[Stored data]
****

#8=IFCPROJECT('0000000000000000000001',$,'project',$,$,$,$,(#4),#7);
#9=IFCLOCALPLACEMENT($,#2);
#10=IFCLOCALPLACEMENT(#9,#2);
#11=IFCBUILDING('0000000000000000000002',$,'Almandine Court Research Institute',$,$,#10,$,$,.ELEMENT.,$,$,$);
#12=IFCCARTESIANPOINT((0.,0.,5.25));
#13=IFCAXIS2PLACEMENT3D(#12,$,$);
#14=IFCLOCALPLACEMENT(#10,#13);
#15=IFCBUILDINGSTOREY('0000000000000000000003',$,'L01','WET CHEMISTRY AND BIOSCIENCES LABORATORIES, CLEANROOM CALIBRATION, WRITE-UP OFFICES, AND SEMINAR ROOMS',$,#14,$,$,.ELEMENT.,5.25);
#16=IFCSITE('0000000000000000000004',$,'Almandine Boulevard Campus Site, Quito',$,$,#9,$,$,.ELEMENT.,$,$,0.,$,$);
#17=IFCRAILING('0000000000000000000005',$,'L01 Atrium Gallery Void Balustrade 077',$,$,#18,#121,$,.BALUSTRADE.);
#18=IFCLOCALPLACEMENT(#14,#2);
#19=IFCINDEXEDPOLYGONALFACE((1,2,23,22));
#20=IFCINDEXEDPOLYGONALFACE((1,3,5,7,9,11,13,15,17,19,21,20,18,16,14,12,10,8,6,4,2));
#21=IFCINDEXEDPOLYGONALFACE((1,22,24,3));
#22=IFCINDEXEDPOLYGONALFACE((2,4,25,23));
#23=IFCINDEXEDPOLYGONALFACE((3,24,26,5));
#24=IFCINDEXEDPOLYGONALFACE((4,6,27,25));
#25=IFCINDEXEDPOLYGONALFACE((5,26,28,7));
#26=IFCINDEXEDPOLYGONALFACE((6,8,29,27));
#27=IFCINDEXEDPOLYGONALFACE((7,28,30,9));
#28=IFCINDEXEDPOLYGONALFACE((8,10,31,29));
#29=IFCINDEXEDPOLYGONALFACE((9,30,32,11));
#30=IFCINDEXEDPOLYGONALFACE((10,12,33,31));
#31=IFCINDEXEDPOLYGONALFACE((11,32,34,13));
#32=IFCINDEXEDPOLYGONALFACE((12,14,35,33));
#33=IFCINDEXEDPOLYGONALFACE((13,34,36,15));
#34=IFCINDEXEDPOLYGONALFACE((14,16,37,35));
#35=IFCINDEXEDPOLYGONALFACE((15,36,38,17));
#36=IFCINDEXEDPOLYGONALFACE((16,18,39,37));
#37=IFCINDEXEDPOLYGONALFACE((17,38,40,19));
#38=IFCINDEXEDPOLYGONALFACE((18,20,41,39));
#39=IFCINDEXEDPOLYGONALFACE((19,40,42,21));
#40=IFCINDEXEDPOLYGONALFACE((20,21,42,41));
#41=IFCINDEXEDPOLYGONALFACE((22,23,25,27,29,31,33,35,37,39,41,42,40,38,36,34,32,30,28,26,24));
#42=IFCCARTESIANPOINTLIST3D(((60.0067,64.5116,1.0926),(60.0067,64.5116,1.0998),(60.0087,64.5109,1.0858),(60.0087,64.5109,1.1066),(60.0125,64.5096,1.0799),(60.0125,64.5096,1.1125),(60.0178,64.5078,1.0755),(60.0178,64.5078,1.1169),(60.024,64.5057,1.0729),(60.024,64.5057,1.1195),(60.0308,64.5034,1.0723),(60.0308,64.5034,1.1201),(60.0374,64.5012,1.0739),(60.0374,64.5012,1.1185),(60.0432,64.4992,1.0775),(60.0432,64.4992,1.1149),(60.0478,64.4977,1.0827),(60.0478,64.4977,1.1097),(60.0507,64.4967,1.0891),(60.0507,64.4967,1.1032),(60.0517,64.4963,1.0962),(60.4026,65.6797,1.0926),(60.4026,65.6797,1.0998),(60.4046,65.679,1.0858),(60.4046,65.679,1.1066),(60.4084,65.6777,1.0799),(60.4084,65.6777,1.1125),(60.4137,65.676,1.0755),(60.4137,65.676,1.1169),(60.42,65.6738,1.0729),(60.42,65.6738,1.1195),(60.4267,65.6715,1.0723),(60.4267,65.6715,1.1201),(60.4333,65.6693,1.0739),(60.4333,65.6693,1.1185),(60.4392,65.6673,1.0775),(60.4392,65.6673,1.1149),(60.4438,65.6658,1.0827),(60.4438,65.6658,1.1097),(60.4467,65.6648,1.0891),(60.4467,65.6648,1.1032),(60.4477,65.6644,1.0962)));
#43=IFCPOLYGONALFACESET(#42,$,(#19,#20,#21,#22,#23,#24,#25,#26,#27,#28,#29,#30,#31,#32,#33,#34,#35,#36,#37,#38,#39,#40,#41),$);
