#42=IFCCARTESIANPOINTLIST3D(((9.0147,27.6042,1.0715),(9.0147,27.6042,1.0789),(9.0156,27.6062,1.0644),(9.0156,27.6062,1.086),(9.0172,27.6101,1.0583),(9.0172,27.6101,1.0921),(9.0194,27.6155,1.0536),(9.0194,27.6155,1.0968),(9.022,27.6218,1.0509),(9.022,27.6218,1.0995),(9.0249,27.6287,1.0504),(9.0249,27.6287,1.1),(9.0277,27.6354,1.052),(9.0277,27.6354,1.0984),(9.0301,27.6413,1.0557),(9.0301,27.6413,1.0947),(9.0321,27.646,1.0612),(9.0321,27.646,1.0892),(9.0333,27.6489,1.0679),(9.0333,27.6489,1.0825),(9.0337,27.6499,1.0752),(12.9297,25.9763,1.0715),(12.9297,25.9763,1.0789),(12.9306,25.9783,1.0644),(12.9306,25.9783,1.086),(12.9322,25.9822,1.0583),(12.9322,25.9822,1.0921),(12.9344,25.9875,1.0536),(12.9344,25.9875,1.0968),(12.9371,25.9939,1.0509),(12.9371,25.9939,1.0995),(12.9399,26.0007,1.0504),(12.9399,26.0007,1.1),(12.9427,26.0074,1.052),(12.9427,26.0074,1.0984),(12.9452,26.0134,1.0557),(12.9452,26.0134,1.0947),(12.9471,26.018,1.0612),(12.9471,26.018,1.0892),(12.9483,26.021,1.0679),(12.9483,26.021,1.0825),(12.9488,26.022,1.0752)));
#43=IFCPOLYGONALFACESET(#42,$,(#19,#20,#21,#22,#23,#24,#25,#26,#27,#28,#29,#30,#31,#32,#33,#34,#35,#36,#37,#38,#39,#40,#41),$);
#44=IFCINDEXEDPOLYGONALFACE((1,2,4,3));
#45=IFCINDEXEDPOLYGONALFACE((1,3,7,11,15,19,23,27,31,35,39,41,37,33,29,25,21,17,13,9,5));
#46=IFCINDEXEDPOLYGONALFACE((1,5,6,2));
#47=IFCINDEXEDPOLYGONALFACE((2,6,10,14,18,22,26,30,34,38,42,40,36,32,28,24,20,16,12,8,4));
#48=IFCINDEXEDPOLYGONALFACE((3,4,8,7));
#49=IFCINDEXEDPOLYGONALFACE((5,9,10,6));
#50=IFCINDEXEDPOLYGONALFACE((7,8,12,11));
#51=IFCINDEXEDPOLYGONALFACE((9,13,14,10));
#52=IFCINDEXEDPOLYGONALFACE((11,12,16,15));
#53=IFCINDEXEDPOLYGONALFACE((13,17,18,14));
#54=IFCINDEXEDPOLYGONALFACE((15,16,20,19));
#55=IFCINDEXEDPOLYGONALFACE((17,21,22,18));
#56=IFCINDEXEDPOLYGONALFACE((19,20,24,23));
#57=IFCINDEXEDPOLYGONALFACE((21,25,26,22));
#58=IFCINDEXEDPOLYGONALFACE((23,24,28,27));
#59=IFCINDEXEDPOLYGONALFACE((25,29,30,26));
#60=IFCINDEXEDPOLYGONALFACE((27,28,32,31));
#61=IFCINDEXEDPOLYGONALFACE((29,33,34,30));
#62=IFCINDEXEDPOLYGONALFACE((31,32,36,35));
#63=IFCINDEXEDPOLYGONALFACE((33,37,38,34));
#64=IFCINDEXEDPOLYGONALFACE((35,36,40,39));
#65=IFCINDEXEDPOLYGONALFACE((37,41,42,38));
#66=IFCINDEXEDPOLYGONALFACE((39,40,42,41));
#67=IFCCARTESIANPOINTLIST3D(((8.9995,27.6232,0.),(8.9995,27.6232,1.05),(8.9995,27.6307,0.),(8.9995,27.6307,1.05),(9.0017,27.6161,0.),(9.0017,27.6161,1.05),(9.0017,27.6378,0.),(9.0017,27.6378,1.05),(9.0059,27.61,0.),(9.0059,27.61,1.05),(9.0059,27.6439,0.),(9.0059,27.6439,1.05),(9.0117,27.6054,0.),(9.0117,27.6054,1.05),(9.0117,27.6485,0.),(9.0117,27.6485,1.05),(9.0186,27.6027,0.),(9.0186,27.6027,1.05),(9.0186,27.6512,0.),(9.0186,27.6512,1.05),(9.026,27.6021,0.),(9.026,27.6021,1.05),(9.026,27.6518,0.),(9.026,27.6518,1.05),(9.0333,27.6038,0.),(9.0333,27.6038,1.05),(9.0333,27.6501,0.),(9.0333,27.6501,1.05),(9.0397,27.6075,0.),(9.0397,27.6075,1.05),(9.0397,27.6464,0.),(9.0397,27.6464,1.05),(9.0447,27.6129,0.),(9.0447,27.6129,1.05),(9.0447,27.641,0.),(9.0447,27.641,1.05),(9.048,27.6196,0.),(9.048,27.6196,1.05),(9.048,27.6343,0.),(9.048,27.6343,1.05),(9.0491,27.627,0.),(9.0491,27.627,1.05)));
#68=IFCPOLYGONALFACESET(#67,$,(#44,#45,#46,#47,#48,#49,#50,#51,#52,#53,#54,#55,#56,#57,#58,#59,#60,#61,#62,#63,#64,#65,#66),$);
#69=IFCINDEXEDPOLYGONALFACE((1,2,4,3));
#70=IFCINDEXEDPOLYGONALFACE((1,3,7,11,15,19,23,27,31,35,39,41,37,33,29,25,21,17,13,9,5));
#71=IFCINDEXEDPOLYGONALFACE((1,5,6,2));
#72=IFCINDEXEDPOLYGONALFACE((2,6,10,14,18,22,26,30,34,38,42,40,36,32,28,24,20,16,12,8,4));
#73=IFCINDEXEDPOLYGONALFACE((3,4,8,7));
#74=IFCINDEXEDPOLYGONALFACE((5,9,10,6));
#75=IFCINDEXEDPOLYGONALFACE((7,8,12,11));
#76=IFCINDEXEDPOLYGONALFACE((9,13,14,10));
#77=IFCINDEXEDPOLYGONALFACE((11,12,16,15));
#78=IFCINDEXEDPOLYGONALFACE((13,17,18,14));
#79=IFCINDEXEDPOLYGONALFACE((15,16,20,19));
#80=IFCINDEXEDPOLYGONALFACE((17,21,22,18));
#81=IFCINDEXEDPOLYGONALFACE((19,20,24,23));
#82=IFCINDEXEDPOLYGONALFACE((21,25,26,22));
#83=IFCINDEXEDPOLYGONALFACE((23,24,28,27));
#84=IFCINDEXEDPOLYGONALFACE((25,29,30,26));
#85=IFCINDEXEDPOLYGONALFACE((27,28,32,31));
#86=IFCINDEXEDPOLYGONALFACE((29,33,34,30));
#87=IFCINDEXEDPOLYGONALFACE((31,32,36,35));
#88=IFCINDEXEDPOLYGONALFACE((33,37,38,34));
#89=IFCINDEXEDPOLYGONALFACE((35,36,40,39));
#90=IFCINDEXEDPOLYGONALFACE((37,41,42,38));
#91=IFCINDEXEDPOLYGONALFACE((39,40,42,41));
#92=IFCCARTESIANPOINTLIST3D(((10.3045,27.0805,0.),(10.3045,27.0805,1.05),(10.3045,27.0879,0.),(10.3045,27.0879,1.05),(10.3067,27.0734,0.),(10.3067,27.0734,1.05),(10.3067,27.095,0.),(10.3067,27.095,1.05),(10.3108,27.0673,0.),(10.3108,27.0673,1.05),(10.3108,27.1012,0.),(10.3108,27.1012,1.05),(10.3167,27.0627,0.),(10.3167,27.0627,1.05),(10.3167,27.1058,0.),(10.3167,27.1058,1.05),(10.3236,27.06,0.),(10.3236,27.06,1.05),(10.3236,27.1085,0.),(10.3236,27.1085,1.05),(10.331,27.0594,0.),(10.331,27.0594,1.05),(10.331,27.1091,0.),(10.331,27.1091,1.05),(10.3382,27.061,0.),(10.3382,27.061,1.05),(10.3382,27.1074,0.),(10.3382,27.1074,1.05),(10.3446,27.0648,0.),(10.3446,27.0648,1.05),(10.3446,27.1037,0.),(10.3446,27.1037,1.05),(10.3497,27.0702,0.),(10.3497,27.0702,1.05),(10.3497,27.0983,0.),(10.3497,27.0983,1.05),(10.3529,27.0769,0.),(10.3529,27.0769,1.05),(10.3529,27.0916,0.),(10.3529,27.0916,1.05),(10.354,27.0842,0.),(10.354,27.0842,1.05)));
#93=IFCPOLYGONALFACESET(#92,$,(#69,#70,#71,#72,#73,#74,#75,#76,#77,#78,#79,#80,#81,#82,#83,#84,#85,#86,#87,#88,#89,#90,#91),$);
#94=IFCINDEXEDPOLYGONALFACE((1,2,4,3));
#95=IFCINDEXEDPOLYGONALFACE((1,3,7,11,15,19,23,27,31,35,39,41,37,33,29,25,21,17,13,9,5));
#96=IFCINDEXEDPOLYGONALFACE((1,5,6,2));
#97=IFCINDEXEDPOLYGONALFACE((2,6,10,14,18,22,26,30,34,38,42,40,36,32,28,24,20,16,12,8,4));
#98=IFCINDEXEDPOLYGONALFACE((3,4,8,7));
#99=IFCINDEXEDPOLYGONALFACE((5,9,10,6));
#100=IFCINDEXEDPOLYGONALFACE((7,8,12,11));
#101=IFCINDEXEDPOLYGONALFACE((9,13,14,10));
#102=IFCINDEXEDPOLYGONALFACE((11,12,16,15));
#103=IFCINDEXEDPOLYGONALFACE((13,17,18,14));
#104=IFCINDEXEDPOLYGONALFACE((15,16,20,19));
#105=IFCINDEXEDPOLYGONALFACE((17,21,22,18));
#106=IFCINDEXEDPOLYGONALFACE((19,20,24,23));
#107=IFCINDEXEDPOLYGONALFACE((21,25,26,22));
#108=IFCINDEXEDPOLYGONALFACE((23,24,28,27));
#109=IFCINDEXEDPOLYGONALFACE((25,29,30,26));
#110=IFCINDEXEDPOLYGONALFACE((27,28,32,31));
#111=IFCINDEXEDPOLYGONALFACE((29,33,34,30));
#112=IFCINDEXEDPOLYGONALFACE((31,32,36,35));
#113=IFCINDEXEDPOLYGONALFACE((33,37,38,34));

****

- _Your instructions_:
Proceeding from the line containing "#23=IFCINDEXEDPOLYGONALFACE((3,24,26,5));" through the line containing "#38=IFCINDEXEDPOLYGONALFACE((18,20,41,39));", transcribe the lines above exactly, both end lines included.

- _Reply_:
#23=IFCINDEXEDPOLYGONALFACE((3,24,26,5));
#24=IFCINDEXEDPOLYGONALFACE((4,6,27,25));
#25=IFCINDEXEDPOLYGONALFACE((5,26,28,7));
#26=IFCINDEXEDPOLYGONALFACE((6,8,29,27));
#27=IFCINDEXEDPOLYGONALFACE((7,28,30,9));
#28=IFCINDEXEDPOLYGONALFACE((8,10,31,29));
#29=IFCINDEXEDPOLYGONALFACE((9,30,32,11));
#30=IFCINDEXEDPOLYGONALFACE((10,12,33,31));
#31=IFCINDEXEDPOLYGONALFACE((11,32,34,13));
#32=IFCINDEXEDPOLYGONALFACE((12,14,35,33));
#33=IFCINDEXEDPOLYGONALFACE((13,34,36,15));
#34=IFCINDEXEDPOLYGONALFACE((14,16,37,35));
#35=IFCINDEXEDPOLYGONALFACE((15,36,38,17));
#36=IFCINDEXEDPOLYGONALFACE((16,18,39,37));
#37=IFCINDEXEDPOLYGONALFACE((17,38,40,19));
#38=IFCINDEXEDPOLYGONALFACE((18,20,41,39));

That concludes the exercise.